◆ What you need to do:
In the records below, find each line with "Zone" and copy it.

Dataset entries
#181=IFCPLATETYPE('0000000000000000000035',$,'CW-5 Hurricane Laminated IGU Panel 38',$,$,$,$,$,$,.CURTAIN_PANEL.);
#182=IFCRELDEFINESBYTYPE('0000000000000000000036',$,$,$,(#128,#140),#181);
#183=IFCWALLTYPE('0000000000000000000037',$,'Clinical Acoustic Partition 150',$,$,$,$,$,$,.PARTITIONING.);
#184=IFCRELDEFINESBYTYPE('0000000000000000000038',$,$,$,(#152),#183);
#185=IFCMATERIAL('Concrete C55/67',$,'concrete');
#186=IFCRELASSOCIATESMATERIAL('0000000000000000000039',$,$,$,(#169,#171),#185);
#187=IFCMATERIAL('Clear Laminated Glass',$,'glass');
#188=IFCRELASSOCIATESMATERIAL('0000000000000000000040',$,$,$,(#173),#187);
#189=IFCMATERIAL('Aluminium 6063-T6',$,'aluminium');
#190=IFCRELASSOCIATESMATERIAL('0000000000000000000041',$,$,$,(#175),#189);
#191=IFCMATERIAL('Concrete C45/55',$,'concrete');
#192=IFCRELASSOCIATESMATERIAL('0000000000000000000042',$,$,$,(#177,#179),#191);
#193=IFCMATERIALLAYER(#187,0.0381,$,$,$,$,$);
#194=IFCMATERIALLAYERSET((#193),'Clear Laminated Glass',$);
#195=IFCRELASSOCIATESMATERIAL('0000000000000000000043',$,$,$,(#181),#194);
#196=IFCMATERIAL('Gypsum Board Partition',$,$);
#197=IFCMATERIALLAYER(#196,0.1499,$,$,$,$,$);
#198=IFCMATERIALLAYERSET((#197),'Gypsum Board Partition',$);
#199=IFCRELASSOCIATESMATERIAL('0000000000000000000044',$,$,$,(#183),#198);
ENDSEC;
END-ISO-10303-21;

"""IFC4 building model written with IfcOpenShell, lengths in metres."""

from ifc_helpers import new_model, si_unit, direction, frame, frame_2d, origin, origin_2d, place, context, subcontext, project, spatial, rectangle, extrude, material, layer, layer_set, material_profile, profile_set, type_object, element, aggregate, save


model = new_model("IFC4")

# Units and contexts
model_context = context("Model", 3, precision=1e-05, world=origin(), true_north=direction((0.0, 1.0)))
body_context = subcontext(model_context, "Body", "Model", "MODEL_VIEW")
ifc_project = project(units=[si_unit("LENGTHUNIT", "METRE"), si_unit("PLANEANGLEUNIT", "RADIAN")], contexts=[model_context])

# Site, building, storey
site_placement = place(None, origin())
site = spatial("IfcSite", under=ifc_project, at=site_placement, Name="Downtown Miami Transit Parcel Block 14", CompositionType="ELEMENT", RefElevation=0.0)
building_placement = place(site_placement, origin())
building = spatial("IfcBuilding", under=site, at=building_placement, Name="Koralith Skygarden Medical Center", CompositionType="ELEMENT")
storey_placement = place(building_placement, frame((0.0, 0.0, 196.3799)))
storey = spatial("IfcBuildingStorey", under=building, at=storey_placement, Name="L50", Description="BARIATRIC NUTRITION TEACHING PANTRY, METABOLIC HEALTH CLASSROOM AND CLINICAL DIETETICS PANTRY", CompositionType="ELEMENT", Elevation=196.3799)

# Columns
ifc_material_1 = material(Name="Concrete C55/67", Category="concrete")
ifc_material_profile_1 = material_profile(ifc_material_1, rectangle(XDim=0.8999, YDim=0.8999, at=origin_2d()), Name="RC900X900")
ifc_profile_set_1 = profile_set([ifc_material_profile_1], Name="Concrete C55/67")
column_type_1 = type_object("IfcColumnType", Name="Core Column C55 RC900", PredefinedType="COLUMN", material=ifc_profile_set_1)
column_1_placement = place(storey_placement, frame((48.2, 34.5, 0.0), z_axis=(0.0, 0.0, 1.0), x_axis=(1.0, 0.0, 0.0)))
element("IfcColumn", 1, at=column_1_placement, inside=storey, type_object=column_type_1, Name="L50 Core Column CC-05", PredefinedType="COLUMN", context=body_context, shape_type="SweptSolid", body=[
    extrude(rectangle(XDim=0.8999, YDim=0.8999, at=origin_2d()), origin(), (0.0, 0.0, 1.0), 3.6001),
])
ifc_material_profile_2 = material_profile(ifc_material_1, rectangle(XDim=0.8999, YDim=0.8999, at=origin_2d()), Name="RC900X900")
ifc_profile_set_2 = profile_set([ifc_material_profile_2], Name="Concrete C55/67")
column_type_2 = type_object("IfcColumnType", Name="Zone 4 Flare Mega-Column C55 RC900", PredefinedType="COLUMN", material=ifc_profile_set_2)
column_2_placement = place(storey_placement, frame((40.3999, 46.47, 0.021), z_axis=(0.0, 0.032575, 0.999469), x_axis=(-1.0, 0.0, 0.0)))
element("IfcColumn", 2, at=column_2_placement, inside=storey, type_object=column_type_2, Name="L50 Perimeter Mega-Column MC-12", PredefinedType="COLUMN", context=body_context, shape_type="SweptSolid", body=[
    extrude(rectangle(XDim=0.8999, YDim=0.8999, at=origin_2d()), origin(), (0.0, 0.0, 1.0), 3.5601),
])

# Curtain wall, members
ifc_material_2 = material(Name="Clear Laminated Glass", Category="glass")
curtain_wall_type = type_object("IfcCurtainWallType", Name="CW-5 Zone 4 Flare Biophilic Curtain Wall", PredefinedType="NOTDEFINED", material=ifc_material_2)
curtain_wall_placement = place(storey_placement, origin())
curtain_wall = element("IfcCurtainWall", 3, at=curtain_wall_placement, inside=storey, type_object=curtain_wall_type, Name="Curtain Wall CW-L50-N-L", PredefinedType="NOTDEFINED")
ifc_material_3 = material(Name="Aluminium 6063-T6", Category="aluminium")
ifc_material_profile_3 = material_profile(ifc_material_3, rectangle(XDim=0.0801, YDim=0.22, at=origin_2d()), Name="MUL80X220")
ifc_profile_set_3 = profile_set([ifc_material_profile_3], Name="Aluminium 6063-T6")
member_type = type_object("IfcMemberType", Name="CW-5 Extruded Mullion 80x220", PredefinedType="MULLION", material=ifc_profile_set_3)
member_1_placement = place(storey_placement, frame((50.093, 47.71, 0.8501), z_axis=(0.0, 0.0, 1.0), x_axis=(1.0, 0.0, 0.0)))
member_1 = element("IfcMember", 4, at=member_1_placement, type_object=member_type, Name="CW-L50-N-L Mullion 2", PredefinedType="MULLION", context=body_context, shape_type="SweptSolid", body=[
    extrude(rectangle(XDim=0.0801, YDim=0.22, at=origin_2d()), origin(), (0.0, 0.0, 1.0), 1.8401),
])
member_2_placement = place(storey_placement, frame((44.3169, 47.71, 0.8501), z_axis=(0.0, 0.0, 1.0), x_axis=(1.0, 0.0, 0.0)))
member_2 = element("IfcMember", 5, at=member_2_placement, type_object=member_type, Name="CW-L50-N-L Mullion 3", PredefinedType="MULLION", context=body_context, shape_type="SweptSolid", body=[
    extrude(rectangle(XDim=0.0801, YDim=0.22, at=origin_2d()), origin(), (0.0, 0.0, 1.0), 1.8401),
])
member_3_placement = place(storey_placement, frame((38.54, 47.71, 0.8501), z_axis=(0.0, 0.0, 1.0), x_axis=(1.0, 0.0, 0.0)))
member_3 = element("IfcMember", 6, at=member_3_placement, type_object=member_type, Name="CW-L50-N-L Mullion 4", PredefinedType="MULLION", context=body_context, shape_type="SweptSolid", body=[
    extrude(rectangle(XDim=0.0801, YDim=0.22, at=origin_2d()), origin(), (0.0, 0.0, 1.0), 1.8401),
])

◆ Response area:
column_type_2 = type_object("IfcColumnType", Name="Zone 4 Flare Mega-Column C55 RC900", PredefinedType="COLUMN", material=ifc_profile_set_2)
curtain_wall_type = type_object("IfcCurtainWallType", Name="CW-5 Zone 4 Flare Biophilic Curtain Wall", PredefinedType="NOTDEFINED", material=ifc_material_2)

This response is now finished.